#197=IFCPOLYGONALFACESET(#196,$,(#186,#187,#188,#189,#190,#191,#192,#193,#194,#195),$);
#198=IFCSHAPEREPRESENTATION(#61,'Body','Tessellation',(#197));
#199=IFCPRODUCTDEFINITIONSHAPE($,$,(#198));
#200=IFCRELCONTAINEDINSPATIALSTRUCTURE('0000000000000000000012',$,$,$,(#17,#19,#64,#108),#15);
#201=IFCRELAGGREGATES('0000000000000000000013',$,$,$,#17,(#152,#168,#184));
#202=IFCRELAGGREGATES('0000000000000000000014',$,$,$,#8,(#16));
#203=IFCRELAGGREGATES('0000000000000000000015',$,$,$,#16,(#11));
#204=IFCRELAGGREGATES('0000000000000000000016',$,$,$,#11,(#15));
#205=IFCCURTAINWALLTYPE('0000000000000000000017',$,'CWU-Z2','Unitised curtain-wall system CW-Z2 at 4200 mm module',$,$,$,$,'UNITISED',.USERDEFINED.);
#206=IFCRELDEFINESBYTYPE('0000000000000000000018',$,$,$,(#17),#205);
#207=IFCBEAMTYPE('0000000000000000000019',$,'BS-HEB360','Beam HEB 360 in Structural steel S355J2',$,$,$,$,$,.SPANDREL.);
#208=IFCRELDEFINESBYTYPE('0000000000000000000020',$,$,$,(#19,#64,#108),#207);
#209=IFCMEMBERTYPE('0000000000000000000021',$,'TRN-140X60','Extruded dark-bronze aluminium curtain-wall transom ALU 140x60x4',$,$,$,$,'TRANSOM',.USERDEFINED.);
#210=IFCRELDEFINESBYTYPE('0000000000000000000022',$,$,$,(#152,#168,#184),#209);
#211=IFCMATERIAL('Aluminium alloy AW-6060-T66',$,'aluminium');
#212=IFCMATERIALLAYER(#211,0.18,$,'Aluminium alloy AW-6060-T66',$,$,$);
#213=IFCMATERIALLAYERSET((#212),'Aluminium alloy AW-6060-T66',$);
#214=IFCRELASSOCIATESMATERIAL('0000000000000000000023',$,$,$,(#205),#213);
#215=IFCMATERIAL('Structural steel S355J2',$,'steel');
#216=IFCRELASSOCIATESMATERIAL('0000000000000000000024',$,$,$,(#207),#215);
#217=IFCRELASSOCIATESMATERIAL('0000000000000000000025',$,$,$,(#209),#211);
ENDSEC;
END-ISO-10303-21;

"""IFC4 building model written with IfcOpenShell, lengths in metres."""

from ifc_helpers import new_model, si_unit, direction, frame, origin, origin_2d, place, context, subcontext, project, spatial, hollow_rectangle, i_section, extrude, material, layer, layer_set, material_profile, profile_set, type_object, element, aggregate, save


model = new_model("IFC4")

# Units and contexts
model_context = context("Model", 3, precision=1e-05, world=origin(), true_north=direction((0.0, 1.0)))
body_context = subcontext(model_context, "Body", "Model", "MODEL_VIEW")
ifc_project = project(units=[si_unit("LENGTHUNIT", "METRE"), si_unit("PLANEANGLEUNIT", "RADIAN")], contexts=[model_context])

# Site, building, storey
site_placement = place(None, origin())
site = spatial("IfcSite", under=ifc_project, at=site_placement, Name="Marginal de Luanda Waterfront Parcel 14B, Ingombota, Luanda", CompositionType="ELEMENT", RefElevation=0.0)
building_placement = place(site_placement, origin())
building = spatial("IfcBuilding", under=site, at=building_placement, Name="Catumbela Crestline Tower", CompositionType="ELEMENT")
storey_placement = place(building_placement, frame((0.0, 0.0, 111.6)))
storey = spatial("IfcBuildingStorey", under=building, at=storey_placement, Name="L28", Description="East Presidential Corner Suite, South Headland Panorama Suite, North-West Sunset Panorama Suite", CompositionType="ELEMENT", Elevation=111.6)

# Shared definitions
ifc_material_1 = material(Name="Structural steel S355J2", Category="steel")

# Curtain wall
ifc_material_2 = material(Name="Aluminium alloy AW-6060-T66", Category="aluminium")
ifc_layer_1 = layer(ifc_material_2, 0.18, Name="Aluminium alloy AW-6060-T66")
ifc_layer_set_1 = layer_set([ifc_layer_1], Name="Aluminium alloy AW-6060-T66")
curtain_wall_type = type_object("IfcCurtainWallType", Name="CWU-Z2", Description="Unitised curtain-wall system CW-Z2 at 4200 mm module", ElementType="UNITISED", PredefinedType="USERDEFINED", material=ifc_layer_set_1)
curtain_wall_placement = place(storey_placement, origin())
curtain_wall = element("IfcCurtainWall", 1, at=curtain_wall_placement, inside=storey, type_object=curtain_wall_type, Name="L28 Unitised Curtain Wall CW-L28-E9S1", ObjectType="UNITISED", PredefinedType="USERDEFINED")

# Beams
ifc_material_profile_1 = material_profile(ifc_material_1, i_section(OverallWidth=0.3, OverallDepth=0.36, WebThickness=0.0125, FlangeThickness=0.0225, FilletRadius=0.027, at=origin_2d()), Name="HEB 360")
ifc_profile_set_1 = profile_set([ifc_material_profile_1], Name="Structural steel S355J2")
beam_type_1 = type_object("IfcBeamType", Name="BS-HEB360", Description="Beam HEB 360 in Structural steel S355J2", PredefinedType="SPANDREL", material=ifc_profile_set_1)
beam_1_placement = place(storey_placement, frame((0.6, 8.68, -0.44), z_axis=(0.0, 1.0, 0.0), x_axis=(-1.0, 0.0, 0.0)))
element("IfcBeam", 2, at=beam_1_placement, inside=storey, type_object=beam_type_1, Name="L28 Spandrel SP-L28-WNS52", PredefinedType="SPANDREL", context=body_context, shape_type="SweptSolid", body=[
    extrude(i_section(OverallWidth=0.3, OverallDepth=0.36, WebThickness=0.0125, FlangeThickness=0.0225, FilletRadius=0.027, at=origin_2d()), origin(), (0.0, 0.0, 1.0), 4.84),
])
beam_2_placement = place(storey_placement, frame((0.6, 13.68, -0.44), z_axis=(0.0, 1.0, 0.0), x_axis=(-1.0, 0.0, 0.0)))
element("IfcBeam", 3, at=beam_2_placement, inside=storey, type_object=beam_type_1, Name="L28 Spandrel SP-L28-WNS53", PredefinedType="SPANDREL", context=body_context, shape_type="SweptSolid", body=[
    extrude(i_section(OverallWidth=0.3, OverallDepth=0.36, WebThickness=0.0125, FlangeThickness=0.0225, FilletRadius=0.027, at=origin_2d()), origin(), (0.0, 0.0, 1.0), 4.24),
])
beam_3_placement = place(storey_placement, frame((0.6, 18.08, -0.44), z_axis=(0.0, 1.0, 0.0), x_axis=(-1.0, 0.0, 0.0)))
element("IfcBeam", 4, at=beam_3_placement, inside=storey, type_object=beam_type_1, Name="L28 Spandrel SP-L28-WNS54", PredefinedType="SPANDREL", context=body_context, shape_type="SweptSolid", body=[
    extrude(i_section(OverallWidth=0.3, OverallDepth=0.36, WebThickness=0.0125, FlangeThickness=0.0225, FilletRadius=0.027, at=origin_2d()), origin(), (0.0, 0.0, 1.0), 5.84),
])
::::::::::
#### Description of the task
Every line above that holds the string "direction" should be copied into the answer.

#### Result of this task
from ifc_helpers import new_model, si_unit, direction, frame, origin, origin_2d, place, context, subcontext, project, spatial, hollow_rectangle, i_section, extrude, material, layer, layer_set, material_profile, profile_set, type_object, element, aggregate, save
model_context = context("Model", 3, precision=1e-05, world=origin(), true_north=direction((0.0, 1.0)))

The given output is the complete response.